_SOURCE INFORMATION_
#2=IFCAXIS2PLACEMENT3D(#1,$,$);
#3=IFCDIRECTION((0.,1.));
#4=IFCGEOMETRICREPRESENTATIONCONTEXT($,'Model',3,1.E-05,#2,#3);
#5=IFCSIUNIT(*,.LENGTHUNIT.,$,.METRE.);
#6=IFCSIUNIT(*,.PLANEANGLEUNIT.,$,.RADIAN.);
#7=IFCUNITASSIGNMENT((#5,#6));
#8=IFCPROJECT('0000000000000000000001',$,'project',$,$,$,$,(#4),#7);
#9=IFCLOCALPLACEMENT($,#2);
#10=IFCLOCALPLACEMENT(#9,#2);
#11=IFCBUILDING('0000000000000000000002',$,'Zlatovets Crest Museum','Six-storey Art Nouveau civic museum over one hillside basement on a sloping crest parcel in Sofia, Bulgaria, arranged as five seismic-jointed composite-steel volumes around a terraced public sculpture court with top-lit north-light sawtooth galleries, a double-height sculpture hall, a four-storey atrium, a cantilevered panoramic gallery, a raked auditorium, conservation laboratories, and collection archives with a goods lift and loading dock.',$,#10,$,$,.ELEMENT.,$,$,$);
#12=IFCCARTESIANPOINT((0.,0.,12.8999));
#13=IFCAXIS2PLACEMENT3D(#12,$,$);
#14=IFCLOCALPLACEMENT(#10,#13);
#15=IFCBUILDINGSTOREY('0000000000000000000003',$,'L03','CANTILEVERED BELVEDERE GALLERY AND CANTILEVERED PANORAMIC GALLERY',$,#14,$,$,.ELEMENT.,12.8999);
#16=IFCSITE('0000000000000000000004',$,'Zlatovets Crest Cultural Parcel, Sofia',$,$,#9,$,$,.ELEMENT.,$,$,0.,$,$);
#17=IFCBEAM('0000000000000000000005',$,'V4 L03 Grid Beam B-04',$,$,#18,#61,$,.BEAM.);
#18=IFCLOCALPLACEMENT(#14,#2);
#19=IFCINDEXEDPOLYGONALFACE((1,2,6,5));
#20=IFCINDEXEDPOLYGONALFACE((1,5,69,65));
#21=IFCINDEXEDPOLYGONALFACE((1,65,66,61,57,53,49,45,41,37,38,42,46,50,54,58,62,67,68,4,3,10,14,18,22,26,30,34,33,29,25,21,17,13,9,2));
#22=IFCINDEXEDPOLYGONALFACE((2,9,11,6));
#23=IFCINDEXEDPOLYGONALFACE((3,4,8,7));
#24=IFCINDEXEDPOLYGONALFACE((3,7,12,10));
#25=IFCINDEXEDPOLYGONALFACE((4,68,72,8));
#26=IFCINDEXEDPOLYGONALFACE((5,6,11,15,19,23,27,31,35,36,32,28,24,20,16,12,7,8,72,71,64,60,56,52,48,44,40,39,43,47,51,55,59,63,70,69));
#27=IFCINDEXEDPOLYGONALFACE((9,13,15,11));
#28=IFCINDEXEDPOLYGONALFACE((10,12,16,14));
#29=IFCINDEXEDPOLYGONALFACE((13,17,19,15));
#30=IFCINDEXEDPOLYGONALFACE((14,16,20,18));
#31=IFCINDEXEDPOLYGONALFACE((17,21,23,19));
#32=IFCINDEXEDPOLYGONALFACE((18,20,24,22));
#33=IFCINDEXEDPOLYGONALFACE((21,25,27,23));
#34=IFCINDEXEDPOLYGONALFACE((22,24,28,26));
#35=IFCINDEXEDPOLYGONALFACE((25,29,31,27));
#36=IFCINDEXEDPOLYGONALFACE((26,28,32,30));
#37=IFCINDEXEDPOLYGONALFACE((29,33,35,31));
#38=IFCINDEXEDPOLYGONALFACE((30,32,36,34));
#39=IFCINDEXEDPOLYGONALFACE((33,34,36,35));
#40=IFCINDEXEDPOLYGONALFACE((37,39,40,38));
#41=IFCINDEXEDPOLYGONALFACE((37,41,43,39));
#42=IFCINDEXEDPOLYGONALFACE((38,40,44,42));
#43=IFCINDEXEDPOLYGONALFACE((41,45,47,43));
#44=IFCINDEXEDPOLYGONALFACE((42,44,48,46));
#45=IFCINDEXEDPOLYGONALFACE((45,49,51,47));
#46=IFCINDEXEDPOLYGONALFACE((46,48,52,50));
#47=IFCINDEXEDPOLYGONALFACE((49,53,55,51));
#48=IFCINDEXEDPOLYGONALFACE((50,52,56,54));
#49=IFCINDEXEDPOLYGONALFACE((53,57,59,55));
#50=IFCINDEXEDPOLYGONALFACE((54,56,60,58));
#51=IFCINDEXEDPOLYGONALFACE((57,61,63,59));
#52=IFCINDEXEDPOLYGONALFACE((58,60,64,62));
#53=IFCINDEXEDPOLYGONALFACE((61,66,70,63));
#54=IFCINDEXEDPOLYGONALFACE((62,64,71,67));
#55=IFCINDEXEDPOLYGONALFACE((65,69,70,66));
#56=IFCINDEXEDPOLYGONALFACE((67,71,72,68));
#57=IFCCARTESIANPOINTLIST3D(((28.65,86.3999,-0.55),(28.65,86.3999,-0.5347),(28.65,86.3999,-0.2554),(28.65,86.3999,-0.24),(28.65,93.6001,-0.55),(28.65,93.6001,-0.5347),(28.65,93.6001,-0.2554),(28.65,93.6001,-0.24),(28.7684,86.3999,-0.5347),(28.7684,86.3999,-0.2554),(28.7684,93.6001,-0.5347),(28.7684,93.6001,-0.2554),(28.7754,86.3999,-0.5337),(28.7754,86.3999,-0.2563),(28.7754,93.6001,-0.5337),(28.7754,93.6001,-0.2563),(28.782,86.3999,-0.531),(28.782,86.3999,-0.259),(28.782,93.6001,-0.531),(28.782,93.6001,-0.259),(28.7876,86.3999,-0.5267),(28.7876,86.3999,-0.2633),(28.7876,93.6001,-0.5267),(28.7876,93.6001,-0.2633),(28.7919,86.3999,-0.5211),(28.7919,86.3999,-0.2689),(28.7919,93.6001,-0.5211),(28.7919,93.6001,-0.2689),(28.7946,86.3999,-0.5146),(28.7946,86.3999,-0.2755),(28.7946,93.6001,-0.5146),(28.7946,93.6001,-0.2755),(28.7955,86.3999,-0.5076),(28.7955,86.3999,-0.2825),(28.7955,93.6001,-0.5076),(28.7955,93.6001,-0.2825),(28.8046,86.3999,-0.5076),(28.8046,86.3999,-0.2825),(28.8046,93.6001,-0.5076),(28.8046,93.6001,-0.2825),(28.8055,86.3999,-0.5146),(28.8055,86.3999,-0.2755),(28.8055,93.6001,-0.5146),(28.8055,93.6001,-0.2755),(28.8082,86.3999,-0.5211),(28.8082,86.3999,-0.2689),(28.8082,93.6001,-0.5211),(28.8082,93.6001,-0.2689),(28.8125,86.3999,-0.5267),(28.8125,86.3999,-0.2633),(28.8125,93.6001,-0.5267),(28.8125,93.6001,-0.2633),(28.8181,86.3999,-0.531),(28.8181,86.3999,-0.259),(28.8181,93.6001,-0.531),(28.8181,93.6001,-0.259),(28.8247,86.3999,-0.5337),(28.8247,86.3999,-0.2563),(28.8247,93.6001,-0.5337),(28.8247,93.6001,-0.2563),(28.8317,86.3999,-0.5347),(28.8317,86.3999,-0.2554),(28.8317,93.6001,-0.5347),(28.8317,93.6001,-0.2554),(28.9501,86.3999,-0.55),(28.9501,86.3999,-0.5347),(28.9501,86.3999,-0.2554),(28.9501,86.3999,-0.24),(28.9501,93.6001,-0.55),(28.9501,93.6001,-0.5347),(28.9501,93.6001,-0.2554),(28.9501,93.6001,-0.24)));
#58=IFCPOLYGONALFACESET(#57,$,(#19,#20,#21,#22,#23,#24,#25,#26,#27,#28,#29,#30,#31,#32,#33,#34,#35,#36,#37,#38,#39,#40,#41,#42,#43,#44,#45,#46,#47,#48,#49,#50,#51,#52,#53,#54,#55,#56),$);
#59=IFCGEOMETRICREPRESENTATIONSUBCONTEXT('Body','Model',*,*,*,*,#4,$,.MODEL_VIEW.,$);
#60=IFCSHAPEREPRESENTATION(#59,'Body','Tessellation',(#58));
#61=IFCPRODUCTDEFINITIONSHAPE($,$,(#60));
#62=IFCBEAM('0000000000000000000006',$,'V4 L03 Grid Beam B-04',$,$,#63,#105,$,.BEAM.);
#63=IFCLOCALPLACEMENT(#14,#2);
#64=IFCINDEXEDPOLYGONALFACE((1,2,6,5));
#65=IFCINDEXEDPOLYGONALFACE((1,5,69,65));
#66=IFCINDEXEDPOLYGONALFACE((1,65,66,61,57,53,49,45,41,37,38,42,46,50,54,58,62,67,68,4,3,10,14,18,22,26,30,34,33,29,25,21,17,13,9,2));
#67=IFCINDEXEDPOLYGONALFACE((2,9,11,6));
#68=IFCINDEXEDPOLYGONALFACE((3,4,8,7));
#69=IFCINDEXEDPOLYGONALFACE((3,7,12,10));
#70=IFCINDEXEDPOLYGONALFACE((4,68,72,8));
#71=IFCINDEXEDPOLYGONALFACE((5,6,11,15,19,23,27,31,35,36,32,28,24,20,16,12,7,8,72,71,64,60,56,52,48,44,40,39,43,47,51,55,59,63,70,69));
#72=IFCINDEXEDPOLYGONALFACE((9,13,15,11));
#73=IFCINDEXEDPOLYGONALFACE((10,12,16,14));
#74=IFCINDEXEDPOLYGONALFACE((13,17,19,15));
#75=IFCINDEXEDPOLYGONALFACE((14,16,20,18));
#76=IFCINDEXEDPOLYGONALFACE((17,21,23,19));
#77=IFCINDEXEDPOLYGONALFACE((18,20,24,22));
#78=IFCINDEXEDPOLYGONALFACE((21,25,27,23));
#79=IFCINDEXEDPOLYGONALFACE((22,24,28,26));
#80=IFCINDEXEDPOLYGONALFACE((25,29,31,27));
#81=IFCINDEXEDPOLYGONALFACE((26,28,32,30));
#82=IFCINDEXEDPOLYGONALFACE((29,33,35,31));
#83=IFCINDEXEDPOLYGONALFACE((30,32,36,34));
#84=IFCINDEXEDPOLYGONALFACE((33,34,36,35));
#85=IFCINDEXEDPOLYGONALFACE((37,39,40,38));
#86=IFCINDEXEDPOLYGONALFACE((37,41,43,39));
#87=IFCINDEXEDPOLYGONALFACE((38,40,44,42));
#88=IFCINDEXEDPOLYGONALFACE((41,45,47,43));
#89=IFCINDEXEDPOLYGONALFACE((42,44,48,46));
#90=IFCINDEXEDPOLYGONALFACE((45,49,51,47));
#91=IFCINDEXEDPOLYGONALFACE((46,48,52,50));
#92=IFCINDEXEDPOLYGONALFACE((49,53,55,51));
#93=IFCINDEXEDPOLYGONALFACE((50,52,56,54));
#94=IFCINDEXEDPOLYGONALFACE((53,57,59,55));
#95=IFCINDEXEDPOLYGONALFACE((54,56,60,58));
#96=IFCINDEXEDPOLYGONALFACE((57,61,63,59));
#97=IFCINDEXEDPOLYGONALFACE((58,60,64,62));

_WHAT NEEDS TO BE DONE_
An exact, complete copy of the lines above from the one with "#70=IFCINDEXEDPOLYGONALFACE((4,68,72,8));" through the one with "#87=IFCINDEXEDPOLYGONALFACE((38,40,44,42));" is the whole answer.

_SOLVED EXERCISE_
#70=IFCINDEXEDPOLYGONALFACE((4,68,72,8));
#71=IFCINDEXEDPOLYGONALFACE((5,6,11,15,19,23,27,31,35,36,32,28,24,20,16,12,7,8,72,71,64,60,56,52,48,44,40,39,43,47,51,55,59,63,70,69));
#72=IFCINDEXEDPOLYGONALFACE((9,13,15,11));
#73=IFCINDEXEDPOLYGONALFACE((10,12,16,14));
#74=IFCINDEXEDPOLYGONALFACE((13,17,19,15));
#75=IFCINDEXEDPOLYGONALFACE((14,16,20,18));
#76=IFCINDEXEDPOLYGONALFACE((17,21,23,19));
#77=IFCINDEXEDPOLYGONALFACE((18,20,24,22));
#78=IFCINDEXEDPOLYGONALFACE((21,25,27,23));
#79=IFCINDEXEDPOLYGONALFACE((22,24,28,26));
#80=IFCINDEXEDPOLYGONALFACE((25,29,31,27));
#81=IFCINDEXEDPOLYGONALFACE((26,28,32,30));
#82=IFCINDEXEDPOLYGONALFACE((29,33,35,31));
#83=IFCINDEXEDPOLYGONALFACE((30,32,36,34));
#84=IFCINDEXEDPOLYGONALFACE((33,34,36,35));
#85=IFCINDEXEDPOLYGONALFACE((37,39,40,38));
#86=IFCINDEXEDPOLYGONALFACE((37,41,43,39));
#87=IFCINDEXEDPOLYGONALFACE((38,40,44,42));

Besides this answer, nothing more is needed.